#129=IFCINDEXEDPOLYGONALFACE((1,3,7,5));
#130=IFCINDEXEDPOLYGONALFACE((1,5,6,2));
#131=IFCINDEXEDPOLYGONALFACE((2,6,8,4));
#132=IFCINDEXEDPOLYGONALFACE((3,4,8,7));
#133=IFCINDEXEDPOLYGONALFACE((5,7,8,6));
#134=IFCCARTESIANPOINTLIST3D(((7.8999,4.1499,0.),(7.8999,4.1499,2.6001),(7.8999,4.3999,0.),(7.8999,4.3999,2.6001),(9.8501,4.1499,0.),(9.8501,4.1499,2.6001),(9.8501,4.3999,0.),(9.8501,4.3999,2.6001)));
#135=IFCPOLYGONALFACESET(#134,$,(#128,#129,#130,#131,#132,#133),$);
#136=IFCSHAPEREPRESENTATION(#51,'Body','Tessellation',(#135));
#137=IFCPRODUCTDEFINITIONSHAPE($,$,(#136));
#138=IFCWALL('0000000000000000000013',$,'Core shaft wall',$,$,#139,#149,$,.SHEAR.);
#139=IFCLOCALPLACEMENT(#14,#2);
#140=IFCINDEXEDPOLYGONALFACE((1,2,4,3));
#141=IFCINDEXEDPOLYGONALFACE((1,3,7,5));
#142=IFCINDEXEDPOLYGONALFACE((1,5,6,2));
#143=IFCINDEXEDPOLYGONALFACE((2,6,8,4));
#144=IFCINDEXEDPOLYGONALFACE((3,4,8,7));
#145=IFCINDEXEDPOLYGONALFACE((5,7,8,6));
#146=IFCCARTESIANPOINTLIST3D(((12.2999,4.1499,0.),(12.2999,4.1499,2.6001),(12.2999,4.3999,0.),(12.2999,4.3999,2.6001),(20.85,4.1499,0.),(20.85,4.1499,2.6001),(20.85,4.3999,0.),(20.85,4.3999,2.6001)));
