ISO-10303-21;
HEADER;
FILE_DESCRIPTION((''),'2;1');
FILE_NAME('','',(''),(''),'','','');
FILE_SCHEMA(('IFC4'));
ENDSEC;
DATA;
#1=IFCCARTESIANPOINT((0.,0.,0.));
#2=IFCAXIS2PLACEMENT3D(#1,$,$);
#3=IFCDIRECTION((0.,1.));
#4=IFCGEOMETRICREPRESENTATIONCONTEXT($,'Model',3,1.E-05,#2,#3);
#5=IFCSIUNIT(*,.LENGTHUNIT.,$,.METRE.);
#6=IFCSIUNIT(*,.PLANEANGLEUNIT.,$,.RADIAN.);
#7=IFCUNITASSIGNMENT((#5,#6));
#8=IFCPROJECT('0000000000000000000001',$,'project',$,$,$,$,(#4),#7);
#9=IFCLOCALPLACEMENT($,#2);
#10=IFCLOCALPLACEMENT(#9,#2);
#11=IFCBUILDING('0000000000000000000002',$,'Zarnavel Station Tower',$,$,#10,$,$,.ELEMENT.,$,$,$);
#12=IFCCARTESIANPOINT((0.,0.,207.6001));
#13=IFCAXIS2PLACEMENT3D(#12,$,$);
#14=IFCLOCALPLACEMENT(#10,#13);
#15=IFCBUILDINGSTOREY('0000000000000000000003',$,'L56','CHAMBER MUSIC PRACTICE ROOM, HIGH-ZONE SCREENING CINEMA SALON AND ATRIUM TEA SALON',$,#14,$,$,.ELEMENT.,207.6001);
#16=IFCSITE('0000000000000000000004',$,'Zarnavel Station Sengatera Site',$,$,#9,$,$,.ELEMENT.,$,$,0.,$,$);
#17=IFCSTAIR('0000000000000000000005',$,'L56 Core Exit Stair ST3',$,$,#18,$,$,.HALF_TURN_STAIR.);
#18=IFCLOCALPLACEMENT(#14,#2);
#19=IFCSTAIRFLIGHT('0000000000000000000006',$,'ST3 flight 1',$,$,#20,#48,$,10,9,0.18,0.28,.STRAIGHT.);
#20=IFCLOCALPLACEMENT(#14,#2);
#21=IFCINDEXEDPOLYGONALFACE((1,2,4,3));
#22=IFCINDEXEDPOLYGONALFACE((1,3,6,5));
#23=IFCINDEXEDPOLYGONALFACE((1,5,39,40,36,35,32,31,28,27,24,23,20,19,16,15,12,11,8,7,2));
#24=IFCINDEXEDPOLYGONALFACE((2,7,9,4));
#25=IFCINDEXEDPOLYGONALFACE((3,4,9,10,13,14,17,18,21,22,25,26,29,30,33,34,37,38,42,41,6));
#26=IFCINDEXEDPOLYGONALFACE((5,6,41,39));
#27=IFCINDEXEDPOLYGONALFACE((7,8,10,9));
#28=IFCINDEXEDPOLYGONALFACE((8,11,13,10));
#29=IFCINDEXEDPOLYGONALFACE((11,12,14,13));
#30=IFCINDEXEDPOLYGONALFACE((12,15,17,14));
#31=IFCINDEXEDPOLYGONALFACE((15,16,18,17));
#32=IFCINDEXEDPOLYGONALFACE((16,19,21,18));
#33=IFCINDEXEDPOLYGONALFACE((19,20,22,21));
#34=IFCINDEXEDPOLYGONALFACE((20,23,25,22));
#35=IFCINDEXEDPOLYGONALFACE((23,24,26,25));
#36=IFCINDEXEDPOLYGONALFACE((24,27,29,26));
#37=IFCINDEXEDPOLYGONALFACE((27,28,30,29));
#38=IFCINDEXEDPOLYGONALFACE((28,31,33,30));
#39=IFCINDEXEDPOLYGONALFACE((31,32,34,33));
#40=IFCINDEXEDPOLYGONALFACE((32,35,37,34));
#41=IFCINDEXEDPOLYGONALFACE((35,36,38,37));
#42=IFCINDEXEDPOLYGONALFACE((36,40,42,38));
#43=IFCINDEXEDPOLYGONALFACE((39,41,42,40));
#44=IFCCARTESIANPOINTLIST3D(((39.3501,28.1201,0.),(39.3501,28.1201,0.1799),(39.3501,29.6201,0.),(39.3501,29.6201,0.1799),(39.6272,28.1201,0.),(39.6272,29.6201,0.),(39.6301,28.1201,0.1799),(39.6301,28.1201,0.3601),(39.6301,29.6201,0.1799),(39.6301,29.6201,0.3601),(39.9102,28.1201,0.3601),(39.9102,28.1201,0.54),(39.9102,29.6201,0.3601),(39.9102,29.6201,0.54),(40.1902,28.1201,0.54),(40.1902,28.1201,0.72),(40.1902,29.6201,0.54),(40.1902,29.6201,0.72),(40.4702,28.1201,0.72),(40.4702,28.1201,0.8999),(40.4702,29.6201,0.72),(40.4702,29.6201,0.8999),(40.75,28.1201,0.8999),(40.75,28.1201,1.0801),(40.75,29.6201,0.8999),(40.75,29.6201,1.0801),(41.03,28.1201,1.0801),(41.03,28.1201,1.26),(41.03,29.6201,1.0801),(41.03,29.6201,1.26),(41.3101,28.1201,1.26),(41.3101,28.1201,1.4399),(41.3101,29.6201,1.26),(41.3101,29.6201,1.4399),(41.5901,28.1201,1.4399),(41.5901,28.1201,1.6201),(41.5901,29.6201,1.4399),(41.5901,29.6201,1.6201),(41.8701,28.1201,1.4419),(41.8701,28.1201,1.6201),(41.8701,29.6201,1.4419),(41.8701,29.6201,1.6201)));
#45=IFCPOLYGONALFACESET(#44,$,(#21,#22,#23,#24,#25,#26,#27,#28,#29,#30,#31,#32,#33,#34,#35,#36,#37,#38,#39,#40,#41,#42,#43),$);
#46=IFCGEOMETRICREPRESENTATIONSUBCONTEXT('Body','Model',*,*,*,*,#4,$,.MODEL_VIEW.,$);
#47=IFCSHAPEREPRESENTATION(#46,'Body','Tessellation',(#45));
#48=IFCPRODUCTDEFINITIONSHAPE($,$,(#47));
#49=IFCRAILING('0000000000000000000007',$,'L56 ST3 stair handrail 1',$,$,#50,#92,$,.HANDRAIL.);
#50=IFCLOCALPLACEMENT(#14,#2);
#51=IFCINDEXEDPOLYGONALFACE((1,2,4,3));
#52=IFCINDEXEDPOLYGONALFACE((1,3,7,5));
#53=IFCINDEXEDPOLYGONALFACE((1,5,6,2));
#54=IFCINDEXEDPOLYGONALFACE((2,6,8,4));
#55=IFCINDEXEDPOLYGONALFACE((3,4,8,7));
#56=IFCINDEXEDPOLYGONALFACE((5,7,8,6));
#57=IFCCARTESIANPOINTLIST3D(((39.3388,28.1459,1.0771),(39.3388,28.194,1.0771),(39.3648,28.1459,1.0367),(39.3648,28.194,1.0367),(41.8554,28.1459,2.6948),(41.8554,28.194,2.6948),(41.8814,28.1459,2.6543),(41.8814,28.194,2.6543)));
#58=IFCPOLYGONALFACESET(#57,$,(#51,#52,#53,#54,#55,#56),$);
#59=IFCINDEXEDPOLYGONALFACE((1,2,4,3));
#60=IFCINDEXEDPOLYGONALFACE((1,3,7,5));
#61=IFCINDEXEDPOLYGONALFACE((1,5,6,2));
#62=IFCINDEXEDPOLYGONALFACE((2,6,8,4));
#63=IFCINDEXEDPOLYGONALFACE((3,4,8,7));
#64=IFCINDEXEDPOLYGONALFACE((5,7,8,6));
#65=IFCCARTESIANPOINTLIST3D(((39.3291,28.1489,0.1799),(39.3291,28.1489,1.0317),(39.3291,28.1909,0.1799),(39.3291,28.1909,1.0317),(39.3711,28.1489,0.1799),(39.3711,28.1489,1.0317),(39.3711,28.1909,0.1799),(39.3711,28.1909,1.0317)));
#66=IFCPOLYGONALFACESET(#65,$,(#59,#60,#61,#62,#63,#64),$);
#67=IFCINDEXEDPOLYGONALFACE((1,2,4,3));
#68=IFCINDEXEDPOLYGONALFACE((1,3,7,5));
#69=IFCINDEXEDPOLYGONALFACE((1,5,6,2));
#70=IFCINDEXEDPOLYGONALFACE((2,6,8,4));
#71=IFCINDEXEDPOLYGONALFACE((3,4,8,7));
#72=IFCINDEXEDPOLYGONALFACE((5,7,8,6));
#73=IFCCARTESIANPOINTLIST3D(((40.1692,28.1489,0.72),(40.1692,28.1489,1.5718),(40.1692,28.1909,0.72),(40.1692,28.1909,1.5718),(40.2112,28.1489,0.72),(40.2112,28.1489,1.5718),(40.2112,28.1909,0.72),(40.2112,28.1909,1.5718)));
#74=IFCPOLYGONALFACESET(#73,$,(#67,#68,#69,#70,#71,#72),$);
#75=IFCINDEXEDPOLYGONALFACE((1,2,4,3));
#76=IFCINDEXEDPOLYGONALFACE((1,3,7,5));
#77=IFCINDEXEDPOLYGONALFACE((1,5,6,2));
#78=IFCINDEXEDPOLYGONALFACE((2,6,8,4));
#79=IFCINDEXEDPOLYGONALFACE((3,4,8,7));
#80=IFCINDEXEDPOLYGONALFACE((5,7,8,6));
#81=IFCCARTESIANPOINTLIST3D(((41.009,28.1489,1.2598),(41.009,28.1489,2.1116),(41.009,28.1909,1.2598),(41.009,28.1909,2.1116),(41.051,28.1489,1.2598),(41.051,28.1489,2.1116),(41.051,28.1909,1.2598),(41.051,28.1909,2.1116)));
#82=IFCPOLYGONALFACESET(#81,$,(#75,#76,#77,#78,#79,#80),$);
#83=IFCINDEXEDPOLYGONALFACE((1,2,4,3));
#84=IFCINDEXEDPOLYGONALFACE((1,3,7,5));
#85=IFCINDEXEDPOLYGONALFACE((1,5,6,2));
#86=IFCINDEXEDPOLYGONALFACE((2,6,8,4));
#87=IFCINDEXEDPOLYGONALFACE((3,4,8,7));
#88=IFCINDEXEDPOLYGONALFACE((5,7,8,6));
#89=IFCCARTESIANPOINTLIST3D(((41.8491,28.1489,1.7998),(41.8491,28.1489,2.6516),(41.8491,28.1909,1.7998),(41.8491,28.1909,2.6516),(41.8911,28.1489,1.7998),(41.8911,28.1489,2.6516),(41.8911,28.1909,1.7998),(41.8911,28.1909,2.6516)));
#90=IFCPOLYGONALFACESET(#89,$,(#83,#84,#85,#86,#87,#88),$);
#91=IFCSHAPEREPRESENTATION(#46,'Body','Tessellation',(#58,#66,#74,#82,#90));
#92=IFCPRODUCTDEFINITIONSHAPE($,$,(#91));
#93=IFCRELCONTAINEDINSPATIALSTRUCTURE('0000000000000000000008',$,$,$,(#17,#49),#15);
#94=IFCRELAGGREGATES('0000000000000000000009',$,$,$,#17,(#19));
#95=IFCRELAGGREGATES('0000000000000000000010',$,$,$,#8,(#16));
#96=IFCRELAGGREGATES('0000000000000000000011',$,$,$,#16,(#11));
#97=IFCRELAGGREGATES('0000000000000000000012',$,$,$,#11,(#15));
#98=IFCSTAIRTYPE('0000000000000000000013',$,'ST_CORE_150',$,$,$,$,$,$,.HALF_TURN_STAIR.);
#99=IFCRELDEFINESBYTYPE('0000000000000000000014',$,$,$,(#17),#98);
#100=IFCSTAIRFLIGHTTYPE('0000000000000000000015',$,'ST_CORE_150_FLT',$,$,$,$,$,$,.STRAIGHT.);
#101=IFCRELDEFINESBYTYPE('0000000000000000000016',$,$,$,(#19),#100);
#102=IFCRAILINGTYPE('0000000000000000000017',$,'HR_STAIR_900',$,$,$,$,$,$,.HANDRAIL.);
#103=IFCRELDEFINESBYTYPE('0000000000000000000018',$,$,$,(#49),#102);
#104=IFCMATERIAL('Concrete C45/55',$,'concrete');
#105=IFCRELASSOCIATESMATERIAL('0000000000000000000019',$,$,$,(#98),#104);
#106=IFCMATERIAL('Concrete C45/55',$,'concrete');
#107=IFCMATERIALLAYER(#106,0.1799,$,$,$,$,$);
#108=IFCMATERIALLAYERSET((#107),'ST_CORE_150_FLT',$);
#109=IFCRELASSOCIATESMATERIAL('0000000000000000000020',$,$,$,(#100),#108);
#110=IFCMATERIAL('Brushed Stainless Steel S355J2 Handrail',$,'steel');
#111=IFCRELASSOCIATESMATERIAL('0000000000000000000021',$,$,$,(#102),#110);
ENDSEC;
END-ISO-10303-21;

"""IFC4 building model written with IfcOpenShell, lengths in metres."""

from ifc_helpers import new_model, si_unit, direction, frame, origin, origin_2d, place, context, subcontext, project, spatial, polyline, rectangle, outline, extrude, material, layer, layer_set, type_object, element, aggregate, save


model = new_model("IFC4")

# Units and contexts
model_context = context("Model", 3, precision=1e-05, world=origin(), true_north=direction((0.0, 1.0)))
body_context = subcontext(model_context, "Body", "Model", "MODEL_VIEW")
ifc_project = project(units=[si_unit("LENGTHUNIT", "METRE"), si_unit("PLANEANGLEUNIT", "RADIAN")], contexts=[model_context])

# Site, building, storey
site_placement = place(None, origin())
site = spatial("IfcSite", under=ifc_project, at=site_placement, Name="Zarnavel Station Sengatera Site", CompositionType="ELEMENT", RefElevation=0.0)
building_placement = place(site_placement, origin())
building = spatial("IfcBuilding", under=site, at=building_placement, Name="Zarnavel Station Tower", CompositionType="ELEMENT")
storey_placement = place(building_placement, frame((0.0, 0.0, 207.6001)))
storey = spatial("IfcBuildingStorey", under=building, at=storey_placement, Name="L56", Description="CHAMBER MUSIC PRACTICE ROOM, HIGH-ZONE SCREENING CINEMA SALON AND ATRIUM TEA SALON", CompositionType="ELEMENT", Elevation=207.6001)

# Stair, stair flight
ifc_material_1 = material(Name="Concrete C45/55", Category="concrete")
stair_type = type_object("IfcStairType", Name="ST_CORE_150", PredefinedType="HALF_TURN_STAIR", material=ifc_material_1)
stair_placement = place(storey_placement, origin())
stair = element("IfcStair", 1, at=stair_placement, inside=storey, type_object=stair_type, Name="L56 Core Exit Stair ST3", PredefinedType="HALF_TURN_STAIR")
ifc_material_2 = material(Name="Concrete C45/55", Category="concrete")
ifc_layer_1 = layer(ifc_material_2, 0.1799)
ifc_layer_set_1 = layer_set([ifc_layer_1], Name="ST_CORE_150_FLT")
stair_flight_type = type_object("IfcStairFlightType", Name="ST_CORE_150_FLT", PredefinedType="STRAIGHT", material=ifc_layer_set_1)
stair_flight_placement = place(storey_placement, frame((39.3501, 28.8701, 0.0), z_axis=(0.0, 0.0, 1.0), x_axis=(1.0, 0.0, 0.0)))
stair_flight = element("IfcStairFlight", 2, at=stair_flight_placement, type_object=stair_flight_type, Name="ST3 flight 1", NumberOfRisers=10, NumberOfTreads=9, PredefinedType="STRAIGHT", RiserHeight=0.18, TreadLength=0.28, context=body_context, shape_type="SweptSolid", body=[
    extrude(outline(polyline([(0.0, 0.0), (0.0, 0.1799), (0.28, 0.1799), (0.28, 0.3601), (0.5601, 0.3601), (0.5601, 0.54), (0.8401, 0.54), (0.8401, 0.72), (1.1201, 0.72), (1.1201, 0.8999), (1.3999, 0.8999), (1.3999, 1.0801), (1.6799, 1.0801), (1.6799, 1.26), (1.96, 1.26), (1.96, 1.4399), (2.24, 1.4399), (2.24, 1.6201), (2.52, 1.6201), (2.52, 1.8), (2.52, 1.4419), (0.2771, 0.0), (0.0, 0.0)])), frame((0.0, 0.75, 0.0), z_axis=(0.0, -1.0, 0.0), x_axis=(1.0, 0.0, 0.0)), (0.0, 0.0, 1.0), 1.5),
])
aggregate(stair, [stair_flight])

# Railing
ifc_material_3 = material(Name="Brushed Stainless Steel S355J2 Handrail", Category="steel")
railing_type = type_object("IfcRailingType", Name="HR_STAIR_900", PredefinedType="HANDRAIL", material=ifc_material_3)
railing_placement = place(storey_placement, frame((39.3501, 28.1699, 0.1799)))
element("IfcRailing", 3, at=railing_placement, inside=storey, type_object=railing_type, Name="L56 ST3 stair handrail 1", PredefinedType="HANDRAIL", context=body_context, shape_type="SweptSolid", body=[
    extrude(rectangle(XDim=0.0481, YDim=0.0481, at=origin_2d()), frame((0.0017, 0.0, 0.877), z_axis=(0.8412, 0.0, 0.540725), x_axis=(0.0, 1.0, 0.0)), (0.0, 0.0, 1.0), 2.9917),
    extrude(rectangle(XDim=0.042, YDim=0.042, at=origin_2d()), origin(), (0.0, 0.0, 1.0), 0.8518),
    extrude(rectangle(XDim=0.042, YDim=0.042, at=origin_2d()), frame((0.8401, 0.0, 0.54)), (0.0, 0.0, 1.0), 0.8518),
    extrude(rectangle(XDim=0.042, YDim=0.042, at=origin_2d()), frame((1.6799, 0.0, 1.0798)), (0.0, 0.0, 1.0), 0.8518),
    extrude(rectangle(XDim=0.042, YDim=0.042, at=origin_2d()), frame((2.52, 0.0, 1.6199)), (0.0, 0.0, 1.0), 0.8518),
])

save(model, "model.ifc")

# # # # # # #

Please transcribe exactly the lines above from the line that has "#90=IFCPOLYGONALFACESET(#89,$,(#83,#84,#85,#86,#87,#88),$);" up to and including the line that has "#95=IFCRELAGGREGATES('0000000000000000000010',$,$,$,#8,(#16));"; no other line belongs in the answer.

## PROBLEM SOLUTION
#90=IFCPOLYGONALFACESET(#89,$,(#83,#84,#85,#86,#87,#88),$);
#91=IFCSHAPEREPRESENTATION(#46,'Body','Tessellation',(#58,#66,#74,#82,#90));
#92=IFCPRODUCTDEFINITIONSHAPE($,$,(#91));
#93=IFCRELCONTAINEDINSPATIALSTRUCTURE('0000000000000000000008',$,$,$,(#17,#49),#15);
#94=IFCRELAGGREGATES('0000000000000000000009',$,$,$,#17,(#19));
#95=IFCRELAGGREGATES('0000000000000000000010',$,$,$,#8,(#16));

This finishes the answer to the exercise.